ACTIVITY
Print, in exact form, the lines below from the one containing "#159=IFCLOCALPLACEMENT(#14,#2);" through the one containing "#169=IFCINDEXEDPOLYGONALFACE((13,15,16,14));", and omit all others.

(Stored data)
****************

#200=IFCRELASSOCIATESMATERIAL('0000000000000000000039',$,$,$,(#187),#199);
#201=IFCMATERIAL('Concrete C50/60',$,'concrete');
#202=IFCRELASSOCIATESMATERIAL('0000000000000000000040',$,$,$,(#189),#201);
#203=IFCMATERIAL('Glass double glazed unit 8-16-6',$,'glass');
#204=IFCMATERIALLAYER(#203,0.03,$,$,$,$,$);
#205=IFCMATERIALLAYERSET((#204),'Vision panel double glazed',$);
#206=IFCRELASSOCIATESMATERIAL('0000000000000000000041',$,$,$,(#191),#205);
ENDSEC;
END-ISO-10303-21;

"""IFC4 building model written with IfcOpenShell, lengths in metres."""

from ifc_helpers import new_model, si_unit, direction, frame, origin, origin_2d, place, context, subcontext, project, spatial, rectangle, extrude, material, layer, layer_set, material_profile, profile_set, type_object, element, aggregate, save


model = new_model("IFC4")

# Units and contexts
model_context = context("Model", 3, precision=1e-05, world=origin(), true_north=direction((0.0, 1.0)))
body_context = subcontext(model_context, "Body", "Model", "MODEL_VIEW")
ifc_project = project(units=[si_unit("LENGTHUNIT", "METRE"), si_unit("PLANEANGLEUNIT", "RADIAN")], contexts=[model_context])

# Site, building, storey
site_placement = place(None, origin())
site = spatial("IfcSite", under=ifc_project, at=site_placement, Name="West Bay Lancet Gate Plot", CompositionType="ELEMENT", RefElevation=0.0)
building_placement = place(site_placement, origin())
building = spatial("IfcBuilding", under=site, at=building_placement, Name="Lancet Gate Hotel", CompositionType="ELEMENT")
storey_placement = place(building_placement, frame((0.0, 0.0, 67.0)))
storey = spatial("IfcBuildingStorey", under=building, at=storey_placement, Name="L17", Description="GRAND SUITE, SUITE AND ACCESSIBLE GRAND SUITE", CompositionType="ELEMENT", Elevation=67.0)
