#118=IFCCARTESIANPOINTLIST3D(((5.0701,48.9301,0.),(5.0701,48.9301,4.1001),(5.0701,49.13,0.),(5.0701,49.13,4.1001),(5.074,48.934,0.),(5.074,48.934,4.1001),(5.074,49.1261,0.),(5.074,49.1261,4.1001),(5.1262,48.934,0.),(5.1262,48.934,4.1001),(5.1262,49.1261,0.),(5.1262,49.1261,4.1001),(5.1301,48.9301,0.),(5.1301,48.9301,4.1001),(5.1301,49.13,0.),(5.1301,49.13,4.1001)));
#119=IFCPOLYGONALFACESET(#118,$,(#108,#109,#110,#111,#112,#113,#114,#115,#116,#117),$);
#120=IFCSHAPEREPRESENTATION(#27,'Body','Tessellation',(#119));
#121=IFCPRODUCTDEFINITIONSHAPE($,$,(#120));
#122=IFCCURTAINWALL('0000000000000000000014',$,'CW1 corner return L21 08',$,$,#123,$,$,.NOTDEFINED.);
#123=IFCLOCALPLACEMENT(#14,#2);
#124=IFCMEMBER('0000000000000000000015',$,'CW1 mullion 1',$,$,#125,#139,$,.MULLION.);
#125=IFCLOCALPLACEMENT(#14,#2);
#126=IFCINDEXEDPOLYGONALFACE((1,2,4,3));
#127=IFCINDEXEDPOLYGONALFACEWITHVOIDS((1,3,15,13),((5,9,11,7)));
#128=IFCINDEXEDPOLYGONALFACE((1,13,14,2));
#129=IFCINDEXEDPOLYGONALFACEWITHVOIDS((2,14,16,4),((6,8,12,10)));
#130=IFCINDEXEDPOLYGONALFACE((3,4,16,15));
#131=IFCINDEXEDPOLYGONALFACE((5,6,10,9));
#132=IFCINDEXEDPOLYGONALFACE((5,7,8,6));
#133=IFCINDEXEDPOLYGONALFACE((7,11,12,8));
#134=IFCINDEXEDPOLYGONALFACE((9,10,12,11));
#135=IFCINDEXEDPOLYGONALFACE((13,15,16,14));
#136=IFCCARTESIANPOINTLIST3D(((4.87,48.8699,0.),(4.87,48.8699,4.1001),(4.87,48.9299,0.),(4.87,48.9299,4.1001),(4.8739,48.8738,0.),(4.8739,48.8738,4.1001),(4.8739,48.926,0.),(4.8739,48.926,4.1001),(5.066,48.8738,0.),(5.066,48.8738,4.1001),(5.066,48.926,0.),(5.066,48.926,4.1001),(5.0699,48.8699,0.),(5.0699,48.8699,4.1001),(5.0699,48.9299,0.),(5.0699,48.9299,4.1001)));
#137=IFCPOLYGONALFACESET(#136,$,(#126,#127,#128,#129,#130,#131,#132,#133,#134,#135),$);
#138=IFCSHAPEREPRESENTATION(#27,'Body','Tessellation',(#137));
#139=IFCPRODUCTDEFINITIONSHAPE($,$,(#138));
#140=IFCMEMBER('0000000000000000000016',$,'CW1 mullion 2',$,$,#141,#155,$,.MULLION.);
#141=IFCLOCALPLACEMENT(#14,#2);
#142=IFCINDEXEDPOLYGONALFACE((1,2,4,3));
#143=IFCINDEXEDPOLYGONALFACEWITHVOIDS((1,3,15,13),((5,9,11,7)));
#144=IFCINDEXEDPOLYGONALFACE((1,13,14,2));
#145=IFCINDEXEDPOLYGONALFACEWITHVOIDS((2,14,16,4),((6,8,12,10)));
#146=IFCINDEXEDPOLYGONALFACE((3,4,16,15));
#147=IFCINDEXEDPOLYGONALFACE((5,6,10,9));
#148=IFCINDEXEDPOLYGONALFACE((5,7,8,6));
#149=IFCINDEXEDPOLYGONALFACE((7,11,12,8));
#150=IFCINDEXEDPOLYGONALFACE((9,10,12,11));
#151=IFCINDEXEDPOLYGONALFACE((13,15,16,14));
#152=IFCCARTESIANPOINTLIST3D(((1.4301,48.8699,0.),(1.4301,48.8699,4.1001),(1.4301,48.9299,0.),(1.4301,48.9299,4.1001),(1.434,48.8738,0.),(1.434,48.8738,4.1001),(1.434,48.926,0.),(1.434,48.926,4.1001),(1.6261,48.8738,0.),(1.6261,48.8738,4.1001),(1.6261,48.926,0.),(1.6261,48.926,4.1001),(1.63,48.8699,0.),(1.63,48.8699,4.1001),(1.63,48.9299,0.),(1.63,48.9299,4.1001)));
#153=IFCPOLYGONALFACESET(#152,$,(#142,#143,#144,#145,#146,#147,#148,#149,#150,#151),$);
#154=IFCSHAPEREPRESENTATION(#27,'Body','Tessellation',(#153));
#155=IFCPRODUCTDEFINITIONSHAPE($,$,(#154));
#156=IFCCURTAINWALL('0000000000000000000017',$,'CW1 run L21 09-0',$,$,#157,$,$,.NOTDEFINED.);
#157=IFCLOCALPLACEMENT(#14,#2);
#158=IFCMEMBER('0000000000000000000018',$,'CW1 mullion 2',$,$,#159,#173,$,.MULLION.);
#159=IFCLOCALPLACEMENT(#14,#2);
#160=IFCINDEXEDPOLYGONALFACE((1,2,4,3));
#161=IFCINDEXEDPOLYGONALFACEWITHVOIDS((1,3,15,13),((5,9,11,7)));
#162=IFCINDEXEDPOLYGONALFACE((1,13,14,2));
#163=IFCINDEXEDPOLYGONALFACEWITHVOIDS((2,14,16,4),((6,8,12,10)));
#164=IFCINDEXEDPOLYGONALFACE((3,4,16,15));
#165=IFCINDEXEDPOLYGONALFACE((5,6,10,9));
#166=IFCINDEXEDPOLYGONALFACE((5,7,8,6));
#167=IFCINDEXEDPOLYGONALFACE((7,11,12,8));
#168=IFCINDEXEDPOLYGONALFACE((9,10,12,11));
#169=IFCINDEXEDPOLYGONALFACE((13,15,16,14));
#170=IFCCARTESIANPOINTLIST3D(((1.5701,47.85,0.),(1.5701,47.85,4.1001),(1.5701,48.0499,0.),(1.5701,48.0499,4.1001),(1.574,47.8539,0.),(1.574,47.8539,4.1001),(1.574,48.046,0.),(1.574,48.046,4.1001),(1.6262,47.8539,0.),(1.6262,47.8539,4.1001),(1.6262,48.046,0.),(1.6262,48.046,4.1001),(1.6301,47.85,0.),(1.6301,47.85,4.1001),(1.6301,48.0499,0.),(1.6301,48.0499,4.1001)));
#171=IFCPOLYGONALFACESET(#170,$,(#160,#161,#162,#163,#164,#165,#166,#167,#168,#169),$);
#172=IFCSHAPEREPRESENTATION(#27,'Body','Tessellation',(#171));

****************

FINAL ANSWER
#159=IFCLOCALPLACEMENT(#14,#2);
#160=IFCINDEXEDPOLYGONALFACE((1,2,4,3));
#161=IFCINDEXEDPOLYGONALFACEWITHVOIDS((1,3,15,13),((5,9,11,7)));
#162=IFCINDEXEDPOLYGONALFACE((1,13,14,2));
#163=IFCINDEXEDPOLYGONALFACEWITHVOIDS((2,14,16,4),((6,8,12,10)));
#164=IFCINDEXEDPOLYGONALFACE((3,4,16,15));
#165=IFCINDEXEDPOLYGONALFACE((5,6,10,9));
#166=IFCINDEXEDPOLYGONALFACE((5,7,8,6));
#167=IFCINDEXEDPOLYGONALFACE((7,11,12,8));
#168=IFCINDEXEDPOLYGONALFACE((9,10,12,11));
#169=IFCINDEXEDPOLYGONALFACE((13,15,16,14));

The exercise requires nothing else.